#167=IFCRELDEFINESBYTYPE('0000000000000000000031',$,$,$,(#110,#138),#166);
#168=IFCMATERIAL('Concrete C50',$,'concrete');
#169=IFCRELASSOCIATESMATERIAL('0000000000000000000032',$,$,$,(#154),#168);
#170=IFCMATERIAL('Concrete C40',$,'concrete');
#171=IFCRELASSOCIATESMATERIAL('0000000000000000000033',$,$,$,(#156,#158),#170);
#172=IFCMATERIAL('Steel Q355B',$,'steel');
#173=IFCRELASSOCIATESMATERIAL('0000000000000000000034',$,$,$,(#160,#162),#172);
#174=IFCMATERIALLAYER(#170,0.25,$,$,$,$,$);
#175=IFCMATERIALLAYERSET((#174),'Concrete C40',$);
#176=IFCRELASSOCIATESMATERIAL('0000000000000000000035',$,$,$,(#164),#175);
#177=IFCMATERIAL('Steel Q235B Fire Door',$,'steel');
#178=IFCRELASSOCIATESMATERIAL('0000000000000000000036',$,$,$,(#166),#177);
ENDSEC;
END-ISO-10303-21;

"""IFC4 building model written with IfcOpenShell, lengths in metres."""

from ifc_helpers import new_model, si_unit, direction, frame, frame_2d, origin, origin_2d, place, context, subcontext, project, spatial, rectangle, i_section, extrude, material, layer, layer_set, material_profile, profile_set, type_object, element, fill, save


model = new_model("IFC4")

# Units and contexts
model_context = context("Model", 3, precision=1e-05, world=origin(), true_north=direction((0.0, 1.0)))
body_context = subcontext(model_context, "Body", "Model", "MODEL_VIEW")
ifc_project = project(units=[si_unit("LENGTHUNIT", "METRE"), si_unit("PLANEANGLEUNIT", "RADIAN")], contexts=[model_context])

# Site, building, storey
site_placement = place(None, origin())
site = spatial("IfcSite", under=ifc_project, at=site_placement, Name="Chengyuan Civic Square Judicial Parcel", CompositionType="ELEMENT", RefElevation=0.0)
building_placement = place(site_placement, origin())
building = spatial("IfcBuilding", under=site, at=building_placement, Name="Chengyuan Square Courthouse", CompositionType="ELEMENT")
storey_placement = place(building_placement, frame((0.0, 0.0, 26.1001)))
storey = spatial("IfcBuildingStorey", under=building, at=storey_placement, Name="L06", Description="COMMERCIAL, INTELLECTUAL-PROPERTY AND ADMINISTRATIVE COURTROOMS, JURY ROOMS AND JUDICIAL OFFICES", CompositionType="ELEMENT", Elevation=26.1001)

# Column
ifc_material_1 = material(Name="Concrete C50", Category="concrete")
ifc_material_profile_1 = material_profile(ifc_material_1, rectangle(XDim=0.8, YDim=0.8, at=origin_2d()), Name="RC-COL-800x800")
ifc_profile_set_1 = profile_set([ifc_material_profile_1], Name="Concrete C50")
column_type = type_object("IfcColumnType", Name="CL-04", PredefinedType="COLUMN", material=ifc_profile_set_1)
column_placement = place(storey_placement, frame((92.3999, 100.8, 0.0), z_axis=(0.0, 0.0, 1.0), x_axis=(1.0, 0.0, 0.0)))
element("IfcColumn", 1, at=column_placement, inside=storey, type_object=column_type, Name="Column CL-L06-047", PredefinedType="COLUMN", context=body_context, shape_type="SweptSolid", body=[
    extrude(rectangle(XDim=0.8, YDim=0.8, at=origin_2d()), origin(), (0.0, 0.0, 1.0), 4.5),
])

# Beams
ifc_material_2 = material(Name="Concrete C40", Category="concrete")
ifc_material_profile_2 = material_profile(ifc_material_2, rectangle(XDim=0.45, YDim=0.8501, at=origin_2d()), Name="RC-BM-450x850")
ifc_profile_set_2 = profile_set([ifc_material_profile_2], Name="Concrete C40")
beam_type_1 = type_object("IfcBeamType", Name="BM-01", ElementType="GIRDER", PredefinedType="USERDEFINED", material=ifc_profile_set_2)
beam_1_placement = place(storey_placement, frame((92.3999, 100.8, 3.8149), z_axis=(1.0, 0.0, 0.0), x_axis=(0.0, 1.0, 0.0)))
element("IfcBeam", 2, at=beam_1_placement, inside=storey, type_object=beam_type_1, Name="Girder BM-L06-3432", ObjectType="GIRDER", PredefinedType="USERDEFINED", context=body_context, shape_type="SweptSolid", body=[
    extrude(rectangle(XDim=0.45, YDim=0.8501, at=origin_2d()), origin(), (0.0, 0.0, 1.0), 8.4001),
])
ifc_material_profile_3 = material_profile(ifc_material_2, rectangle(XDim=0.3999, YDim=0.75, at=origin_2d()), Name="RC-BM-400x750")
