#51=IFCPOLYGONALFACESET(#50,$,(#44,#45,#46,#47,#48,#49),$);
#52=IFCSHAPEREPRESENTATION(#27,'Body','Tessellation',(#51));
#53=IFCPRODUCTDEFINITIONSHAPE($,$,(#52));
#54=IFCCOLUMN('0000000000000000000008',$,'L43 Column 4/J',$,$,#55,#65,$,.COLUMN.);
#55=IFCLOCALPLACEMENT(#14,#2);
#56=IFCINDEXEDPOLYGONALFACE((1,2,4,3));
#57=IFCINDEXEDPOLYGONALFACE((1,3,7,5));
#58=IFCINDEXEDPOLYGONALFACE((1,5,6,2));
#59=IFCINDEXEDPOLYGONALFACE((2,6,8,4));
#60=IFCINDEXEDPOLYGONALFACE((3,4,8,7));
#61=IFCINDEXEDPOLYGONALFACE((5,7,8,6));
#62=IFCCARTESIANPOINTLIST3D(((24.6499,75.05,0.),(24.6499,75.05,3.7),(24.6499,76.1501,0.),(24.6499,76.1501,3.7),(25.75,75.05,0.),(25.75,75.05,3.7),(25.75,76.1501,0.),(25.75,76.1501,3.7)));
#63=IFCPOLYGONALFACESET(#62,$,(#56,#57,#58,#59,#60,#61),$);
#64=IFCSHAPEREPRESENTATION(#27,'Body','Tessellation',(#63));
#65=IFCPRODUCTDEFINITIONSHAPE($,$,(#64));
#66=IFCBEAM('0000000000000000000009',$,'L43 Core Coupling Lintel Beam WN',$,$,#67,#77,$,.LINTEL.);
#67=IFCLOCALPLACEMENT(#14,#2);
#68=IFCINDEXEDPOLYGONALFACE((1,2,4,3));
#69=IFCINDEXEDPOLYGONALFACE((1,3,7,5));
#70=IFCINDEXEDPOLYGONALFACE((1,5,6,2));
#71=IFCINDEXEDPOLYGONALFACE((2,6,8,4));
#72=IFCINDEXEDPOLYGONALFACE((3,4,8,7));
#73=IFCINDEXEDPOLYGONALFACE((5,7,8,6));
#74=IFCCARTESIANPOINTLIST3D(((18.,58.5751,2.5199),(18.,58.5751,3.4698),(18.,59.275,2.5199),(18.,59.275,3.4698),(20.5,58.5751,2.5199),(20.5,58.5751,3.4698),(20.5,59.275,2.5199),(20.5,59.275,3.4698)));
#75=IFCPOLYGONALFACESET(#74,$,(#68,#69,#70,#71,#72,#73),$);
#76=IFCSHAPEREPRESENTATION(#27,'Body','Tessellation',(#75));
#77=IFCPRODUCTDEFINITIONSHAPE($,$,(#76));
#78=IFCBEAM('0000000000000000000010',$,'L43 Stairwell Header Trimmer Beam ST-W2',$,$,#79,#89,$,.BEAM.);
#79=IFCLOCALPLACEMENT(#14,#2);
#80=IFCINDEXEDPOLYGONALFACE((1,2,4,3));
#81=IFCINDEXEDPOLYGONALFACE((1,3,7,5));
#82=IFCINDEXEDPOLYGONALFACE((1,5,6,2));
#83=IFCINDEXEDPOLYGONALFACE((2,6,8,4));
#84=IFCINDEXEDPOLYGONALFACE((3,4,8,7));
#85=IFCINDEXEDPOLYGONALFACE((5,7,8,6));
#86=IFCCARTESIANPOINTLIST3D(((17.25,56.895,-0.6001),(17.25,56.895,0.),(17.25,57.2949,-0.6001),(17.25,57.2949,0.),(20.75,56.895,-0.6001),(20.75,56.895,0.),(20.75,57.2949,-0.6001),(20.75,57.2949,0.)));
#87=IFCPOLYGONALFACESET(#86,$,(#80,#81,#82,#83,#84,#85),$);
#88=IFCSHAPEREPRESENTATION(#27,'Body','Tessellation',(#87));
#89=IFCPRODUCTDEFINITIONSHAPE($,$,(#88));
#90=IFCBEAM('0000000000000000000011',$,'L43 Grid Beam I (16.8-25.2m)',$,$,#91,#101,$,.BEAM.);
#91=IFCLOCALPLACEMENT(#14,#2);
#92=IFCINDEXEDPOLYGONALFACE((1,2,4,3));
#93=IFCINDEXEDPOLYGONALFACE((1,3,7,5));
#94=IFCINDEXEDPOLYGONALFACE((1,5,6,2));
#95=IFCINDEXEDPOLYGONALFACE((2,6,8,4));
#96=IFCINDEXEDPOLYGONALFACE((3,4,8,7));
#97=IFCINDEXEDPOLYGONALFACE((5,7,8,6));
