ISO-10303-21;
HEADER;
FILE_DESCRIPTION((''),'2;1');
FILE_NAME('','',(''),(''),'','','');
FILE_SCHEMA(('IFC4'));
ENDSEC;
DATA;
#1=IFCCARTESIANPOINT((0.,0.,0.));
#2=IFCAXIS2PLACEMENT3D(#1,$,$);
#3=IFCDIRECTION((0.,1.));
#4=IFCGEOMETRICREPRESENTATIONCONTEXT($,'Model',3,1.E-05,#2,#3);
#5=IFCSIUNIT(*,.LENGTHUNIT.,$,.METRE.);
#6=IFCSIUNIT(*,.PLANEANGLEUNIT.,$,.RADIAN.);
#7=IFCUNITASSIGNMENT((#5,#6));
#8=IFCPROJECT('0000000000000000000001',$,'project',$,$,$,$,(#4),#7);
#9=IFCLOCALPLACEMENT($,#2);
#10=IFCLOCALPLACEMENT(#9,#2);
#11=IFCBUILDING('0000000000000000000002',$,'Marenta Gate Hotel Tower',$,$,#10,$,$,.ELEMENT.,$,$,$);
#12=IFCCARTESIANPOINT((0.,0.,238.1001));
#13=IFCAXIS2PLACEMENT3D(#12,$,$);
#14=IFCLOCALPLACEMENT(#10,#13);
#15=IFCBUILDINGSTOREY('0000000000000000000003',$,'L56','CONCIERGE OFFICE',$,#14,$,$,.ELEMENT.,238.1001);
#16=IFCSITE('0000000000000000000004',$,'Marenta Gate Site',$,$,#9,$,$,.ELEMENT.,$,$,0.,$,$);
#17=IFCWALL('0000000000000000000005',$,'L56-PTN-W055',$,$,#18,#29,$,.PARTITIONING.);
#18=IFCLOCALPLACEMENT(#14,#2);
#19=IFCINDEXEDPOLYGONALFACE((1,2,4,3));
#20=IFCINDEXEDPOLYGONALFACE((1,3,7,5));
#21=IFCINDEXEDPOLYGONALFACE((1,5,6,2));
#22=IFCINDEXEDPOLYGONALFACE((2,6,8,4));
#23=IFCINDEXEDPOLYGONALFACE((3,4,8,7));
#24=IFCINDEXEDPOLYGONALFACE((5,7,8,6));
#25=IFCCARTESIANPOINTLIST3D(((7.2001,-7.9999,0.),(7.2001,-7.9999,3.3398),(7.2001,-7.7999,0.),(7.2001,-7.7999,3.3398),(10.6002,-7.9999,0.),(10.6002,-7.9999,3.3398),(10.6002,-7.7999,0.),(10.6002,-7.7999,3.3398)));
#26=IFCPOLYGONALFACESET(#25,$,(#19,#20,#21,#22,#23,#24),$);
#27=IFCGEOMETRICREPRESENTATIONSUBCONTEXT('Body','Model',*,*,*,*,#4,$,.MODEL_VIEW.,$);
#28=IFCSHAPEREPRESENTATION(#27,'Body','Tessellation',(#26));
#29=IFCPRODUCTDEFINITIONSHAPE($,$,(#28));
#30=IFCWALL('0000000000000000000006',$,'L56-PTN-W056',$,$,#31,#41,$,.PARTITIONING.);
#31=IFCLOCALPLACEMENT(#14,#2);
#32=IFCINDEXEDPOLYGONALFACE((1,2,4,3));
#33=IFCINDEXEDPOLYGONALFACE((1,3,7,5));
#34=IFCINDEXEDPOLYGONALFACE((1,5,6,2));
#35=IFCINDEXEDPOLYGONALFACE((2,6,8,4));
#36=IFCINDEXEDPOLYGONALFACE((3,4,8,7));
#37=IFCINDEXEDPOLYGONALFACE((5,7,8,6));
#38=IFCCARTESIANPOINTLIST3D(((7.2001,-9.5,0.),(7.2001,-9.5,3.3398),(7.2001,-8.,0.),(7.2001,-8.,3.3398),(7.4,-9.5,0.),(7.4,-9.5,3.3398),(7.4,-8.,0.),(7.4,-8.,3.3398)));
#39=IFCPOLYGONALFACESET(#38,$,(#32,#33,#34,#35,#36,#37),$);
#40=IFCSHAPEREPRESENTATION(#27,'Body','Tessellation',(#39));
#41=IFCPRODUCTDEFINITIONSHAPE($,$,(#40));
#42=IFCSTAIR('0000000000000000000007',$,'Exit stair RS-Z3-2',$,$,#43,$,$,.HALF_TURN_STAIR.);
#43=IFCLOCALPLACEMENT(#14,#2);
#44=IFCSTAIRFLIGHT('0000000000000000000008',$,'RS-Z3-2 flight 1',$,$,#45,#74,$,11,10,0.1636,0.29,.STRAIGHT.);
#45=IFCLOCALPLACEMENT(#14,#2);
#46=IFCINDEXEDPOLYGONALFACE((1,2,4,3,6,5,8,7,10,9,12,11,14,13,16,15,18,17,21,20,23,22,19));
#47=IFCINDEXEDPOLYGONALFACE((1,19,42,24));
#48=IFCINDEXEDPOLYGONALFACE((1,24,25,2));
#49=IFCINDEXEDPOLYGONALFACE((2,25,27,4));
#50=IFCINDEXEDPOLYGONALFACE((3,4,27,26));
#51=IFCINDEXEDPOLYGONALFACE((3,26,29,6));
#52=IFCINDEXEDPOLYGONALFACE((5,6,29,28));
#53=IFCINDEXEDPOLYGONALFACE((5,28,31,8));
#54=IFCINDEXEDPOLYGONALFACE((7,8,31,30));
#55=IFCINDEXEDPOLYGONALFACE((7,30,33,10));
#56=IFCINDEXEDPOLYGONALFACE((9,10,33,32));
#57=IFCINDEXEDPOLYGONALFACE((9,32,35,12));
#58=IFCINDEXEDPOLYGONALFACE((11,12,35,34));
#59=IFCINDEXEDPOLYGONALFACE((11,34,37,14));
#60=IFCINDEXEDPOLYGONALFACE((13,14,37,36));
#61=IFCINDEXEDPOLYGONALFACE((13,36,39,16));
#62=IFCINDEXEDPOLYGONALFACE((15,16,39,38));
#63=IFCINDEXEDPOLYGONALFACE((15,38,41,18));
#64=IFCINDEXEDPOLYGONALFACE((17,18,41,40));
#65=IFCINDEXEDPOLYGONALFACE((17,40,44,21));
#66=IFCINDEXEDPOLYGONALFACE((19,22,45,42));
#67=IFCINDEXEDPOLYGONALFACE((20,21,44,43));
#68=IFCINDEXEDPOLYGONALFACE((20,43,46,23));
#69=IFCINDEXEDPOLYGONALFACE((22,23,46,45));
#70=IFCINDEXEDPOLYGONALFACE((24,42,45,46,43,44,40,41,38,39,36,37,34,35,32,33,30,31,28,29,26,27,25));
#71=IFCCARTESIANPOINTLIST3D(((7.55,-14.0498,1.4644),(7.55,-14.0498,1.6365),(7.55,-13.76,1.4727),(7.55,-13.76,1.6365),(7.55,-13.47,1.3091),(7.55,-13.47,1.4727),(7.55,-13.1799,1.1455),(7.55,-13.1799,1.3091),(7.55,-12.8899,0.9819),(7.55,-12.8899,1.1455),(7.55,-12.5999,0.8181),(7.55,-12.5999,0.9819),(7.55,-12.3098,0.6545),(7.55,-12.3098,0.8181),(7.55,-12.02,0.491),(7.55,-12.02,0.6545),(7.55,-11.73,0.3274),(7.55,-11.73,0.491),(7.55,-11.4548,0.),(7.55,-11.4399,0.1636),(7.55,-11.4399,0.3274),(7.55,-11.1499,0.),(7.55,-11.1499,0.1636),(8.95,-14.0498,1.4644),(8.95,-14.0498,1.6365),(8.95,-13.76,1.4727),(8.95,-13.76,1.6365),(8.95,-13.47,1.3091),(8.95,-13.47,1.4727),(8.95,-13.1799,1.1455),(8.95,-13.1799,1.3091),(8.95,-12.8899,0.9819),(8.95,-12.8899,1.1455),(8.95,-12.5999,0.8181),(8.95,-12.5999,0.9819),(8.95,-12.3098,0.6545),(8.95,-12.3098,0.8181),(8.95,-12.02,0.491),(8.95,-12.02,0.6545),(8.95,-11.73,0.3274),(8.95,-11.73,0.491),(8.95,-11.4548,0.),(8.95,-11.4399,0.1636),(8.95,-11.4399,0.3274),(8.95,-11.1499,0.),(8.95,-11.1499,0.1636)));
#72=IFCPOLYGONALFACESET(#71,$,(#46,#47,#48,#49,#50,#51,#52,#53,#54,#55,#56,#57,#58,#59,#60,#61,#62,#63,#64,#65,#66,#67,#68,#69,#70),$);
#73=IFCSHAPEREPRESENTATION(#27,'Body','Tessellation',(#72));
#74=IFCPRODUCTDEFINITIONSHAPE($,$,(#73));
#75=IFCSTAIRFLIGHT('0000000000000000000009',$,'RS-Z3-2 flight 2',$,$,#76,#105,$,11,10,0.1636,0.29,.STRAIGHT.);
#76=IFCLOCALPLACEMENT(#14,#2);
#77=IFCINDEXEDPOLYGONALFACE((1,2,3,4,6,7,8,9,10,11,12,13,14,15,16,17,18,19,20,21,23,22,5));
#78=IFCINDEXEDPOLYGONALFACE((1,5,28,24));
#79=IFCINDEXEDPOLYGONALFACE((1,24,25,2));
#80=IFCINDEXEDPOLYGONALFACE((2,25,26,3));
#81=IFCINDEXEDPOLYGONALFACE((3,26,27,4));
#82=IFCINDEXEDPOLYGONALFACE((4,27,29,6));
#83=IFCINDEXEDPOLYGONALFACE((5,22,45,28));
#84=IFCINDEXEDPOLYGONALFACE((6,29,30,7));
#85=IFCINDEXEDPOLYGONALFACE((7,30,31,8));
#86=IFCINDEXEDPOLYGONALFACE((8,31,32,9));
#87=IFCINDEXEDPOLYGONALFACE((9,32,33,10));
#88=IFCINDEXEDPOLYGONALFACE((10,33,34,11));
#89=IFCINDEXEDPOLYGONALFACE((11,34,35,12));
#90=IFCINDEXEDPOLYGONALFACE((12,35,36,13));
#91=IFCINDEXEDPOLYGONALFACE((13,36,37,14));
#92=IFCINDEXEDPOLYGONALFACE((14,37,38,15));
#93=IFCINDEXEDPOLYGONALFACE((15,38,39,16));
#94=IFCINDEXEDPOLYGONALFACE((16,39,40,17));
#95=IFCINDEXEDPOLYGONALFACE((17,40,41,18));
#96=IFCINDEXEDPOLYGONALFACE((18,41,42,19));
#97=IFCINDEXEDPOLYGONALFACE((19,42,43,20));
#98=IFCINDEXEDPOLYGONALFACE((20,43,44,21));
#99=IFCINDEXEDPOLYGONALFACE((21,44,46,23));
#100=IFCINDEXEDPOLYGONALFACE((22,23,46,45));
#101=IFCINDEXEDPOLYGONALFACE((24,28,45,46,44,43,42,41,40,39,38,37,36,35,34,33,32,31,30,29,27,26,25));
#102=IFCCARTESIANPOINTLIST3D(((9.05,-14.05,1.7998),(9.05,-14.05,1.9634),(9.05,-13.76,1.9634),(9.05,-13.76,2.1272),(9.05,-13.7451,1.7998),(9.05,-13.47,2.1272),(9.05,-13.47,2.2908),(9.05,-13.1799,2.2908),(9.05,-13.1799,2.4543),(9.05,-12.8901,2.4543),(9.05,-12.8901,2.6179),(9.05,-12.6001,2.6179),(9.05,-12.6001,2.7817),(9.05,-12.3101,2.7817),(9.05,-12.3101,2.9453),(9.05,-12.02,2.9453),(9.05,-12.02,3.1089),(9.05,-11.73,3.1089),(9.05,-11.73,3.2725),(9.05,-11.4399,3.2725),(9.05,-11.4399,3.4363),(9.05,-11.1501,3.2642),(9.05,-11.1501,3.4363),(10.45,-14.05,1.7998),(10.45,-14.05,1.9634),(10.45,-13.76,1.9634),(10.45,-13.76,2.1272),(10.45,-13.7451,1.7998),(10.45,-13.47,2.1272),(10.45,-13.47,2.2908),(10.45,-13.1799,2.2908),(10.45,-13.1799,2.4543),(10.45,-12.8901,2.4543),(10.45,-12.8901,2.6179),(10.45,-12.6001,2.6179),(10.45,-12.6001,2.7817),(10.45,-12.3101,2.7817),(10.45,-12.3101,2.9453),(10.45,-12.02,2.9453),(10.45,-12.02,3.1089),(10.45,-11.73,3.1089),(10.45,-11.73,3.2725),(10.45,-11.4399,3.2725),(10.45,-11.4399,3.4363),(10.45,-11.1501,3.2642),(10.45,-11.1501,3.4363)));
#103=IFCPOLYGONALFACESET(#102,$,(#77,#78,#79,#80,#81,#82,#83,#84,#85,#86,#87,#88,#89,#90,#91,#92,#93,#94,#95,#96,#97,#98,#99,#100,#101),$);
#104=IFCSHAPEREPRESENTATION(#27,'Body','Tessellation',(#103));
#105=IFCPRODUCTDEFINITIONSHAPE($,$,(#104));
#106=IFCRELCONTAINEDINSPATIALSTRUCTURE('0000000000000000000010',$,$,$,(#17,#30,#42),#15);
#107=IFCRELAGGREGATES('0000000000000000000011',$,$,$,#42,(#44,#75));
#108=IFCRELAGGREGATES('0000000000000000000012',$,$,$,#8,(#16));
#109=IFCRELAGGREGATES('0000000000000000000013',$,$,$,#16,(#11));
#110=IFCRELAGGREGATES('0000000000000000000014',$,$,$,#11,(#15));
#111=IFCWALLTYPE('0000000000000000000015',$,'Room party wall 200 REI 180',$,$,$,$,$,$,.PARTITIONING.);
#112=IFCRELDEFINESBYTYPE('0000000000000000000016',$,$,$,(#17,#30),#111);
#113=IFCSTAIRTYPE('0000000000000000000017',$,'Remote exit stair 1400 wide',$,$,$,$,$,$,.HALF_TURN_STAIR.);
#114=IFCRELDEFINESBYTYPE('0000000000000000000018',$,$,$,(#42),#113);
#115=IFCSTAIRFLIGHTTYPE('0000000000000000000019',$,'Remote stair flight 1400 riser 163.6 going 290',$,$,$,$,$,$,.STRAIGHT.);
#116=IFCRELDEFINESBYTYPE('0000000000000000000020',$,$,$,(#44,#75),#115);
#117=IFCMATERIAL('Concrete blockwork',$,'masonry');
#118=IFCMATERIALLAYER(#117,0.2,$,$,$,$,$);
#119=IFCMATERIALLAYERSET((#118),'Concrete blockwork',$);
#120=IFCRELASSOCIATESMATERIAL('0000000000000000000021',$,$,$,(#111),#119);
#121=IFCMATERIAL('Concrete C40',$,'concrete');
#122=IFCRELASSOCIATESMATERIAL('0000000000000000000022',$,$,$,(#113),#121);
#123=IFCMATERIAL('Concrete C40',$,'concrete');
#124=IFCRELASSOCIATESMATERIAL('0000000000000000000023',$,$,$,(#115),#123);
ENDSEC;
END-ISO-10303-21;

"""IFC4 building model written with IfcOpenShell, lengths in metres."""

from ifc_helpers import new_model, si_unit, direction, frame, frame_2d, origin, place, context, subcontext, project, spatial, polyline, rectangle, outline, extrude, material, layer, layer_set, type_object, element, aggregate, save


model = new_model("IFC4")

# Units and contexts
model_context = context("Model", 3, precision=1e-05, world=origin(), true_north=direction((0.0, 1.0)))
body_context = subcontext(model_context, "Body", "Model", "MODEL_VIEW")
ifc_project = project(units=[si_unit("LENGTHUNIT", "METRE"), si_unit("PLANEANGLEUNIT", "RADIAN")], contexts=[model_context])

# Site, building, storey
site_placement = place(None, origin())
site = spatial("IfcSite", under=ifc_project, at=site_placement, Name="Marenta Gate Site", CompositionType="ELEMENT", RefElevation=0.0)
building_placement = place(site_placement, origin())
building = spatial("IfcBuilding", under=site, at=building_placement, Name="Marenta Gate Hotel Tower", CompositionType="ELEMENT")
storey_placement = place(building_placement, frame((0.0, 0.0, 238.1001)))
storey = spatial("IfcBuildingStorey", under=building, at=storey_placement, Name="L56", Description="CONCIERGE OFFICE", CompositionType="ELEMENT", Elevation=238.1001)

# Walls
ifc_material_1 = material(Name="Concrete blockwork", Category="masonry")
ifc_layer_1 = layer(ifc_material_1, 0.2)
ifc_layer_set_1 = layer_set([ifc_layer_1], Name="Concrete blockwork")
wall_type_1 = type_object("IfcWallType", Name="Room party wall 200 REI 180", PredefinedType="PARTITIONING", material=ifc_layer_set_1)
wall_1_placement = place(storey_placement, frame((7.2, -7.8999, 0.0), z_axis=(0.0, 0.0, 1.0), x_axis=(1.0, 0.0, 0.0)))
element("IfcWall", 1, at=wall_1_placement, inside=storey, type_object=wall_type_1, Name="L56-PTN-W055", PredefinedType="PARTITIONING", context=body_context, shape_type="SweptSolid", body=[
    extrude(rectangle(XDim=3.4001, YDim=0.2, at=frame_2d((1.7002, 0.0))), origin(), (0.0, 0.0, 1.0), 3.3398),
])
wall_2_placement = place(storey_placement, frame((7.3, -9.5, 0.0), z_axis=(0.0, 0.0, 1.0), x_axis=(0.0, 1.0, 0.0)))
element("IfcWall", 2, at=wall_2_placement, inside=storey, type_object=wall_type_1, Name="L56-PTN-W056", PredefinedType="PARTITIONING", context=body_context, shape_type="SweptSolid", body=[
    extrude(rectangle(XDim=1.5, YDim=0.2, at=frame_2d((0.75, 0.0))), origin(), (0.0, 0.0, 1.0), 3.3398),
])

What the task requires:
From the records above, state how many lines contain the word "IFCLOCALPLACEMENT", and leave out everything else.

Task response:
12